Return the following from the records below: each line, word for word, starting with the line that contains "#57=IFCINDEXEDPOLYGONALFACE((5,7,8,6));" and going on through the line that contains "#61=IFCPRODUCTDEFINITIONSHAPE($,$,(#60));", with nothing outside that range.
[[ Available data, beginning ]]
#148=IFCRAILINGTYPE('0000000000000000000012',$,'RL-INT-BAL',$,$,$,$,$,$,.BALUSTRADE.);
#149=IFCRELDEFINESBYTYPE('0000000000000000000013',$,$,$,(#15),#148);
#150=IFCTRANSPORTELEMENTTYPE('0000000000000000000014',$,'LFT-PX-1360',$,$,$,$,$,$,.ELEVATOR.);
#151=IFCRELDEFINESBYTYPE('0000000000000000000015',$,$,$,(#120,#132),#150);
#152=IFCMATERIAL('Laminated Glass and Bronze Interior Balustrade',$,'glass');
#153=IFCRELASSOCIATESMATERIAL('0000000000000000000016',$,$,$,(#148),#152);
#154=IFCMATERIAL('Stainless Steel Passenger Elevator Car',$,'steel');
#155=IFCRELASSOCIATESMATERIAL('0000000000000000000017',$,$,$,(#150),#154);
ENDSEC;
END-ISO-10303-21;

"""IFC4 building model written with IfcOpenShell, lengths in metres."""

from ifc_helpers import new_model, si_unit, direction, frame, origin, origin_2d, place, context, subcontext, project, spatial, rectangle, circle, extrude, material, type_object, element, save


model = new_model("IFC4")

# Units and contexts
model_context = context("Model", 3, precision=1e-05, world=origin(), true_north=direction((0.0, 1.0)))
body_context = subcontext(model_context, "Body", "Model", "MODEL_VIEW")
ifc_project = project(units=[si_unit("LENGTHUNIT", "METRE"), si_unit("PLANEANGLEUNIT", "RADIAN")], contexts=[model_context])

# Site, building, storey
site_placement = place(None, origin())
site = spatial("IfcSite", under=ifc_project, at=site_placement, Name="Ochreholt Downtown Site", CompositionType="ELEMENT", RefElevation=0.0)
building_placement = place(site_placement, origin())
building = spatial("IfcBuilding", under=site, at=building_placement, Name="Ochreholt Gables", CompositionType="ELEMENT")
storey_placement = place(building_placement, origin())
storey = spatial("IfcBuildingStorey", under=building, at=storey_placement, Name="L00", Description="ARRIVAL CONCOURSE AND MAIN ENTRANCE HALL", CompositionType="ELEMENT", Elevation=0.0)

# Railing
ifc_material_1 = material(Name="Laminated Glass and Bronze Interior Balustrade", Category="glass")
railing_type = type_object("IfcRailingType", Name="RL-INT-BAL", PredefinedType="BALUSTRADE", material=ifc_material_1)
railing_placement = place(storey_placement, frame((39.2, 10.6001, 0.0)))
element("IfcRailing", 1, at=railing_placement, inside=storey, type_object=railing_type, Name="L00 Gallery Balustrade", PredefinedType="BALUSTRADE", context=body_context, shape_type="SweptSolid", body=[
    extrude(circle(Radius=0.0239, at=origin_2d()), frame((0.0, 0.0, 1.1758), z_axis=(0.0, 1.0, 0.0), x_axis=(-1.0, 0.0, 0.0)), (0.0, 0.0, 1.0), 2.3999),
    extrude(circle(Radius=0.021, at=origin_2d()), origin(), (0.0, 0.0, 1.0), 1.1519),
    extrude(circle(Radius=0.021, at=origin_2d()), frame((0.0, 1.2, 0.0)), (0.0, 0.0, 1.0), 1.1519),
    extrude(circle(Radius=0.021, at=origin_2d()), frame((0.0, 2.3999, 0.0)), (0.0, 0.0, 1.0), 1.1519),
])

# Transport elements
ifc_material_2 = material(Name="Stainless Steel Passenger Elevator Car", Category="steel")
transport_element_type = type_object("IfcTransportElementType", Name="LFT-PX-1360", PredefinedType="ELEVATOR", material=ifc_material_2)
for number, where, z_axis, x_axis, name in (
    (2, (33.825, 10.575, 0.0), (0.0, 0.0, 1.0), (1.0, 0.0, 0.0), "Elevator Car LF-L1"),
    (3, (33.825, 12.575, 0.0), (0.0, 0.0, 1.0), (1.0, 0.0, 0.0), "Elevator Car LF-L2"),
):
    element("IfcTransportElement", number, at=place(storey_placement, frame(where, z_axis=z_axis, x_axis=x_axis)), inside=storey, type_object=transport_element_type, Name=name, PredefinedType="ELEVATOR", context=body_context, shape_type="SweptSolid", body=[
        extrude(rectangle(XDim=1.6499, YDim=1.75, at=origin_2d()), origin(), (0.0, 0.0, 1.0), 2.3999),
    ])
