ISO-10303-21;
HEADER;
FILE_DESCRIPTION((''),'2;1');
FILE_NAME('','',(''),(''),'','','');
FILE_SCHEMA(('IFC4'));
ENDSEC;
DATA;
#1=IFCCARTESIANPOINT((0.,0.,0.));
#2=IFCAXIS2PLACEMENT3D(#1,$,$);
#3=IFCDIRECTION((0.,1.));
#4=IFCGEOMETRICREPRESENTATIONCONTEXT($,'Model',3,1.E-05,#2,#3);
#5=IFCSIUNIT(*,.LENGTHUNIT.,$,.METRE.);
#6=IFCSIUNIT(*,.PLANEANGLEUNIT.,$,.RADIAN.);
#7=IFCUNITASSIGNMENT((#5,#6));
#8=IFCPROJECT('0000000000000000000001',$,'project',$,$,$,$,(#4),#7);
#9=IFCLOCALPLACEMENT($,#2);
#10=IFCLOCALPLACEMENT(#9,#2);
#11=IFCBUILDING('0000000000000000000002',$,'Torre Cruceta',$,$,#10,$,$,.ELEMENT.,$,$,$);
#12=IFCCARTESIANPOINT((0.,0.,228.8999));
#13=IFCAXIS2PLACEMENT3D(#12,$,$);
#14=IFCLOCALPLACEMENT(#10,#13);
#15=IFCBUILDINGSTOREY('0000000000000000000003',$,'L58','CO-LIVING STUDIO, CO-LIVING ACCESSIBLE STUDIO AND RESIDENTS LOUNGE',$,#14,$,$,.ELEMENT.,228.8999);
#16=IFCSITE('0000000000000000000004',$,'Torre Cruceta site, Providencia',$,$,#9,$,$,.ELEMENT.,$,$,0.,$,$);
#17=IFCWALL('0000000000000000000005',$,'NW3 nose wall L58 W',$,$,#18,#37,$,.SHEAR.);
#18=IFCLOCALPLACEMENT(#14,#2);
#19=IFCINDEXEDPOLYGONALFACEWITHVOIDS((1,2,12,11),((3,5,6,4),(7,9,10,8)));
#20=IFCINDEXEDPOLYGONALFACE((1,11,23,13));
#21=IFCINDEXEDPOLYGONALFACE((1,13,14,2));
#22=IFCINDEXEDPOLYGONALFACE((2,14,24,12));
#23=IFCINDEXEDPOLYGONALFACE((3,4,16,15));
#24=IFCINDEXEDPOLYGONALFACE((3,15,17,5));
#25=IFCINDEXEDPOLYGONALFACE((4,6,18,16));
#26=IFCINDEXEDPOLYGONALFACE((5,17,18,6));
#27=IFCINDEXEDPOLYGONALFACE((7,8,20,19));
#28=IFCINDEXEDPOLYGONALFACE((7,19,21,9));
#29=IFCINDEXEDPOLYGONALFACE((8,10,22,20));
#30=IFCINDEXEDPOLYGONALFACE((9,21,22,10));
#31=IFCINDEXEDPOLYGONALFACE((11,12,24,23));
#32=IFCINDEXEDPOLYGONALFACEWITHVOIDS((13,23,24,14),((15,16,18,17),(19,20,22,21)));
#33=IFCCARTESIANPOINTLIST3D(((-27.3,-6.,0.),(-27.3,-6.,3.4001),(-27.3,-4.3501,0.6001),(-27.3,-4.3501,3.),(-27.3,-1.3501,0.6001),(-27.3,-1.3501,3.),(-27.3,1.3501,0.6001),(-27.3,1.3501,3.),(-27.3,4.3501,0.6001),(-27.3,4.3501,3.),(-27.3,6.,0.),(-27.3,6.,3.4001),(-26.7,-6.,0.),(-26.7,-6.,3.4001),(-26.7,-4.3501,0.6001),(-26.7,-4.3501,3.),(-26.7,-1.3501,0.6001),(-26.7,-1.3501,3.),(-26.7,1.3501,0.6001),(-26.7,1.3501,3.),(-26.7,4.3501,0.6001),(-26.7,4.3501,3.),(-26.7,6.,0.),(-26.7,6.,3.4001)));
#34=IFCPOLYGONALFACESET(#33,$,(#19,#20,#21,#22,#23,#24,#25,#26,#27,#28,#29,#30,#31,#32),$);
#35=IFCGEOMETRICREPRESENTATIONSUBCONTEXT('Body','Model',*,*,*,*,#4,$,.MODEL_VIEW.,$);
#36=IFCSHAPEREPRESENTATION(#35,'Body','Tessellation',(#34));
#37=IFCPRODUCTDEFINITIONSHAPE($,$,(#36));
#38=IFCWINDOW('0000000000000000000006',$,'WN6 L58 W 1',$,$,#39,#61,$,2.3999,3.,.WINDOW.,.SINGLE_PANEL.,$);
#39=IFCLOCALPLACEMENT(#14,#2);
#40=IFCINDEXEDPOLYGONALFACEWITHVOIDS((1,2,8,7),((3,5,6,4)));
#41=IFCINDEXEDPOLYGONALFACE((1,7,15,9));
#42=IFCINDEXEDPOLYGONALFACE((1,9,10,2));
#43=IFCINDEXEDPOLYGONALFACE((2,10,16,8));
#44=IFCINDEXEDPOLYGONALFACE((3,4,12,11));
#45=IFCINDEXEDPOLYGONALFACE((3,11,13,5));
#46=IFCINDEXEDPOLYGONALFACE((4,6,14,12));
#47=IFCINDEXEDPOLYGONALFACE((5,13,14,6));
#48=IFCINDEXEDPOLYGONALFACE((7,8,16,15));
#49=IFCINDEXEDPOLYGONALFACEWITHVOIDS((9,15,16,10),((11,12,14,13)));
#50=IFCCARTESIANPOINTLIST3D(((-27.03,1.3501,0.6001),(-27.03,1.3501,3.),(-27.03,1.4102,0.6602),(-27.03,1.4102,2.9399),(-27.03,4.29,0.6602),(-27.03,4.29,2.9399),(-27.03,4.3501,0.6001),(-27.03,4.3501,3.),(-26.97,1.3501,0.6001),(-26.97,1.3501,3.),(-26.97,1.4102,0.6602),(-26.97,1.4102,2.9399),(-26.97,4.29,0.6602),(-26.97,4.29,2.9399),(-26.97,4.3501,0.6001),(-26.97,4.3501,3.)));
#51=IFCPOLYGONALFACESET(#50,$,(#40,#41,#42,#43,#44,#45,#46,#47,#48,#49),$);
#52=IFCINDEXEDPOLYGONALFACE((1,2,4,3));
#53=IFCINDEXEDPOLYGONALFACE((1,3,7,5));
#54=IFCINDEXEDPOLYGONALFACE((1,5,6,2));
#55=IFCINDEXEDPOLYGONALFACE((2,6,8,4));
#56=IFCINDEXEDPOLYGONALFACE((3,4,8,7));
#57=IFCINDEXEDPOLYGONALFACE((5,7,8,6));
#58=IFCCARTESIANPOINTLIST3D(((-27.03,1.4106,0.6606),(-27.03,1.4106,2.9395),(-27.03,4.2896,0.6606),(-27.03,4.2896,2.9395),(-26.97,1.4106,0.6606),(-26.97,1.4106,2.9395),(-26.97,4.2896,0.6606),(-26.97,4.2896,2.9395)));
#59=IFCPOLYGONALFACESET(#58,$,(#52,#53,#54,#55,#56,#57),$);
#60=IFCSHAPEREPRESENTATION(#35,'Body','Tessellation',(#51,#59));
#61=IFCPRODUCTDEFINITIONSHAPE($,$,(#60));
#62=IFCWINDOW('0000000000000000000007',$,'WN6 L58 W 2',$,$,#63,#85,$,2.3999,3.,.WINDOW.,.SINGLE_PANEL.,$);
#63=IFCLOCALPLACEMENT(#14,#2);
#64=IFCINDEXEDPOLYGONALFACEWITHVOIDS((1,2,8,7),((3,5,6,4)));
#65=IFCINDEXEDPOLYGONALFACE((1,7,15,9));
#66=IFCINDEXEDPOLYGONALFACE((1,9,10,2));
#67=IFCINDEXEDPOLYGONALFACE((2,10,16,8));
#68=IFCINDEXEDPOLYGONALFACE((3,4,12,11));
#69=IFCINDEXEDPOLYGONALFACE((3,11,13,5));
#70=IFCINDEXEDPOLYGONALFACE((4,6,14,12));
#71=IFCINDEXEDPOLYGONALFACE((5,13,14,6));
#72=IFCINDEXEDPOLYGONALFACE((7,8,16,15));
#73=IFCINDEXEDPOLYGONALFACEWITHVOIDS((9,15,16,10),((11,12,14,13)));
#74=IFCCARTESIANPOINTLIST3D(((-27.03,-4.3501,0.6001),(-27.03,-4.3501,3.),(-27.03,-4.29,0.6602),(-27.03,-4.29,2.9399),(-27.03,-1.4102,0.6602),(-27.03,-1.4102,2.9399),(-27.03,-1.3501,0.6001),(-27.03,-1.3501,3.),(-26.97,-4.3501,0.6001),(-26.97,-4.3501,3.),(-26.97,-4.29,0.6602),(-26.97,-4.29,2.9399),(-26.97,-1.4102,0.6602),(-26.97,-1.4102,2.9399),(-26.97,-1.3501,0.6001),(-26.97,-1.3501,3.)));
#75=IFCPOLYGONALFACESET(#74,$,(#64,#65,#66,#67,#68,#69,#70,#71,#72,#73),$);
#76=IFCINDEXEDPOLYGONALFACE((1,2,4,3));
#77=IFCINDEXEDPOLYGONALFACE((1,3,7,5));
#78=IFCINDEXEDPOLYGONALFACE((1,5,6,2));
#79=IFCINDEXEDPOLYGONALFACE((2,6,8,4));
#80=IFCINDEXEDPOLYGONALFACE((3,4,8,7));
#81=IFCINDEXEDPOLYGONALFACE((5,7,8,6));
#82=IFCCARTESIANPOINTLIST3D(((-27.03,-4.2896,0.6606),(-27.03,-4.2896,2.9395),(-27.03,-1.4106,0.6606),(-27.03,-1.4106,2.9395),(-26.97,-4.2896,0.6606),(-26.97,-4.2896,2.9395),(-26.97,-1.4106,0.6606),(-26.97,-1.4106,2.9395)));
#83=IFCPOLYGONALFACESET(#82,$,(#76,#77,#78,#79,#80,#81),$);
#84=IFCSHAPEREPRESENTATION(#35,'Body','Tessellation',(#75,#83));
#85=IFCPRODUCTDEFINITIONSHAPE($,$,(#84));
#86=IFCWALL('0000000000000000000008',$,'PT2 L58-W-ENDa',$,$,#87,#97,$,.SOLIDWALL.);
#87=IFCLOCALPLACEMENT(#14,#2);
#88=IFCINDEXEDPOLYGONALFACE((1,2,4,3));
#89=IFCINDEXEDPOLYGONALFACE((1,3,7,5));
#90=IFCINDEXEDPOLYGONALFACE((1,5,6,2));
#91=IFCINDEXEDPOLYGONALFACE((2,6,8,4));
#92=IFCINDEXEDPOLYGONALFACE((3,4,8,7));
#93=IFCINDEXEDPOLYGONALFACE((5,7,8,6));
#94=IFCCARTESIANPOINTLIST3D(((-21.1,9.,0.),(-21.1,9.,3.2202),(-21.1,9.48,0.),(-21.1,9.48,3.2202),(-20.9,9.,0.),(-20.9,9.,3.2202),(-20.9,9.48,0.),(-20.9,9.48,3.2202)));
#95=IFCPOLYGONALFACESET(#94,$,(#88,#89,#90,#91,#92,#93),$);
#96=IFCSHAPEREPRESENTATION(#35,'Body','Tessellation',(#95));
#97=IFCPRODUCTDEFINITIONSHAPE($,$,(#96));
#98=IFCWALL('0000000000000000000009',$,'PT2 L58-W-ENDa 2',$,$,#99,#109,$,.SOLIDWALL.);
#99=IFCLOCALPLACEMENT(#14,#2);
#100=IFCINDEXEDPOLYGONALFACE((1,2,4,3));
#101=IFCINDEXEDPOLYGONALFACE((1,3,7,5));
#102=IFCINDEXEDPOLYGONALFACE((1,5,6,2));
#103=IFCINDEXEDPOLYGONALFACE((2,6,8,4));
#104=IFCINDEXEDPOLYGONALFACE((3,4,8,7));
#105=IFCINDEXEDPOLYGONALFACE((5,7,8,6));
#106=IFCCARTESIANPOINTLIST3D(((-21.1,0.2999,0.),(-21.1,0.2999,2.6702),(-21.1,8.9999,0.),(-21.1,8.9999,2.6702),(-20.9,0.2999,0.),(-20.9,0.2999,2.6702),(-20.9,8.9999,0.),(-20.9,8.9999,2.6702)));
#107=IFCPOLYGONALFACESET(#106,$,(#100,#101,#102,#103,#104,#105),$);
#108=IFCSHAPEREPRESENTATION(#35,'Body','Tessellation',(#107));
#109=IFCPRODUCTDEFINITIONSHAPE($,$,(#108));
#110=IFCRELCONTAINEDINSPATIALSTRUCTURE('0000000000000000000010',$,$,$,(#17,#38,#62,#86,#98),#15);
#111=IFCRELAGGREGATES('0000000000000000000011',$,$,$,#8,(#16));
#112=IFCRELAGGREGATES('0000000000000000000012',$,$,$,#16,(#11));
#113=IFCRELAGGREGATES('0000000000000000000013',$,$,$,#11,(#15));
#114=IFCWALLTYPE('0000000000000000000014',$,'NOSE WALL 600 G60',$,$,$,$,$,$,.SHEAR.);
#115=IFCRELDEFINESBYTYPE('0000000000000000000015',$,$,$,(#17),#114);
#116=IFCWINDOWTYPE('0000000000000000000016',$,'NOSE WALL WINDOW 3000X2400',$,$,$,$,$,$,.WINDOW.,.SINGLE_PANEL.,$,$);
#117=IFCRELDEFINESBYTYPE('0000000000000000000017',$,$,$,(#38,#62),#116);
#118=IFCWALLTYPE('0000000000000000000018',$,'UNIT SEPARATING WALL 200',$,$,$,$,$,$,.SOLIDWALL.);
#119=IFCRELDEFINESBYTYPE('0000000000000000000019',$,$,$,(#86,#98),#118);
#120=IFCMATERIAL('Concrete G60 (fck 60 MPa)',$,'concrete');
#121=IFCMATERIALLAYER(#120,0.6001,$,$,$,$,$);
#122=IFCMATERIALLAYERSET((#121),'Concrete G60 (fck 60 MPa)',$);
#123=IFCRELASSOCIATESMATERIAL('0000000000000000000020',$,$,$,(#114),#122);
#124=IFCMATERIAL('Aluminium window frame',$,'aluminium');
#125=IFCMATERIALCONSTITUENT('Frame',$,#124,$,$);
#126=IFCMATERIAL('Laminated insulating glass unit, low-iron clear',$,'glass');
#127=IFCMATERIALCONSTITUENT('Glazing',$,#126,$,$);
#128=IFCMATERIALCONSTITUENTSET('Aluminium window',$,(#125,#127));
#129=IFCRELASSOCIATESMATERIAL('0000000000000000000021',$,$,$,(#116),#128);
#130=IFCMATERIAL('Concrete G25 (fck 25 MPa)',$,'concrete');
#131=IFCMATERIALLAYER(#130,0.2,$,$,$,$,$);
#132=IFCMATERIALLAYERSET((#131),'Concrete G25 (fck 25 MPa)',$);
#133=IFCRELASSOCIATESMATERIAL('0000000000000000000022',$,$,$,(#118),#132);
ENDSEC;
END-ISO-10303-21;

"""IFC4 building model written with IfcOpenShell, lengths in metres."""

from ifc_helpers import new_model, si_unit, direction, frame, frame_2d, origin, place, context, subcontext, project, spatial, rectangle, hollow_rectangle, extrude, material, layer, layer_set, constituent, constituent_set, type_object, element, fill, save


model = new_model("IFC4")

# Units and contexts
model_context = context("Model", 3, precision=1e-05, world=origin(), true_north=direction((0.0, 1.0)))
body_context = subcontext(model_context, "Body", "Model", "MODEL_VIEW")
ifc_project = project(units=[si_unit("LENGTHUNIT", "METRE"), si_unit("PLANEANGLEUNIT", "RADIAN")], contexts=[model_context])

# Site, building, storey
site_placement = place(None, origin())
site = spatial("IfcSite", under=ifc_project, at=site_placement, Name="Torre Cruceta site, Providencia", CompositionType="ELEMENT", RefElevation=0.0)
building_placement = place(site_placement, origin())
building = spatial("IfcBuilding", under=site, at=building_placement, Name="Torre Cruceta", CompositionType="ELEMENT")
storey_placement = place(building_placement, frame((0.0, 0.0, 228.8999)))
storey = spatial("IfcBuildingStorey", under=building, at=storey_placement, Name="L58", Description="CO-LIVING STUDIO, CO-LIVING ACCESSIBLE STUDIO AND RESIDENTS LOUNGE", CompositionType="ELEMENT", Elevation=228.8999)

# Wall, openings, windows
ifc_material_1 = material(Name="Concrete G60 (fck 60 MPa)", Category="concrete")
ifc_layer_1 = layer(ifc_material_1, 0.6001)
ifc_layer_set_1 = layer_set([ifc_layer_1], Name="Concrete G60 (fck 60 MPa)")
wall_type_1 = type_object("IfcWallType", Name="NOSE WALL 600 G60", PredefinedType="SHEAR", material=ifc_layer_set_1)
wall_1_placement = place(storey_placement, frame((-27.0, 6.0, 0.0), z_axis=(0.0, 0.0, 1.0), x_axis=(0.0, -1.0, 0.0)))
wall_1 = element("IfcWall", 1, at=wall_1_placement, inside=storey, type_object=wall_type_1, Name="NW3 nose wall L58 W", PredefinedType="SHEAR", context=body_context, shape_type="SweptSolid", body=[
    extrude(rectangle(XDim=12.0, YDim=0.6001, at=frame_2d((6.0, 0.0))), origin(), (0.0, 0.0, 1.0), 3.4001),
])
opening_1_placement = place(wall_1_placement, frame((1.6499, 0.0, 0.6001)))
opening_1 = element("IfcOpeningElement", 2, at=opening_1_placement, cuts=wall_1, PredefinedType="OPENING", context=body_context, shape_type="SweptSolid", body=[
    extrude(rectangle(XDim=3.0, YDim=2.3999, at=frame_2d((1.5, 1.2))), frame((0.0, 0.3101, 0.0), z_axis=(0.0, -1.0, 0.0), x_axis=(1.0, 0.0, 0.0)), (0.0, 0.0, 1.0), 0.6201),
])
opening_2_placement = place(wall_1_placement, frame((7.3501, 0.0, 0.6001)))
opening_2 = element("IfcOpeningElement", 3, at=opening_2_placement, cuts=wall_1, PredefinedType="OPENING", context=body_context, shape_type="SweptSolid", body=[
[[ Available data, end ]]
# [Your response]
#57=IFCINDEXEDPOLYGONALFACE((5,7,8,6));
#58=IFCCARTESIANPOINTLIST3D(((-27.03,1.4106,0.6606),(-27.03,1.4106,2.9395),(-27.03,4.2896,0.6606),(-27.03,4.2896,2.9395),(-26.97,1.4106,0.6606),(-26.97,1.4106,2.9395),(-26.97,4.2896,0.6606),(-26.97,4.2896,2.9395)));
#59=IFCPOLYGONALFACESET(#58,$,(#52,#53,#54,#55,#56,#57),$);
#60=IFCSHAPEREPRESENTATION(#35,'Body','Tessellation',(#51,#59));
#61=IFCPRODUCTDEFINITIONSHAPE($,$,(#60));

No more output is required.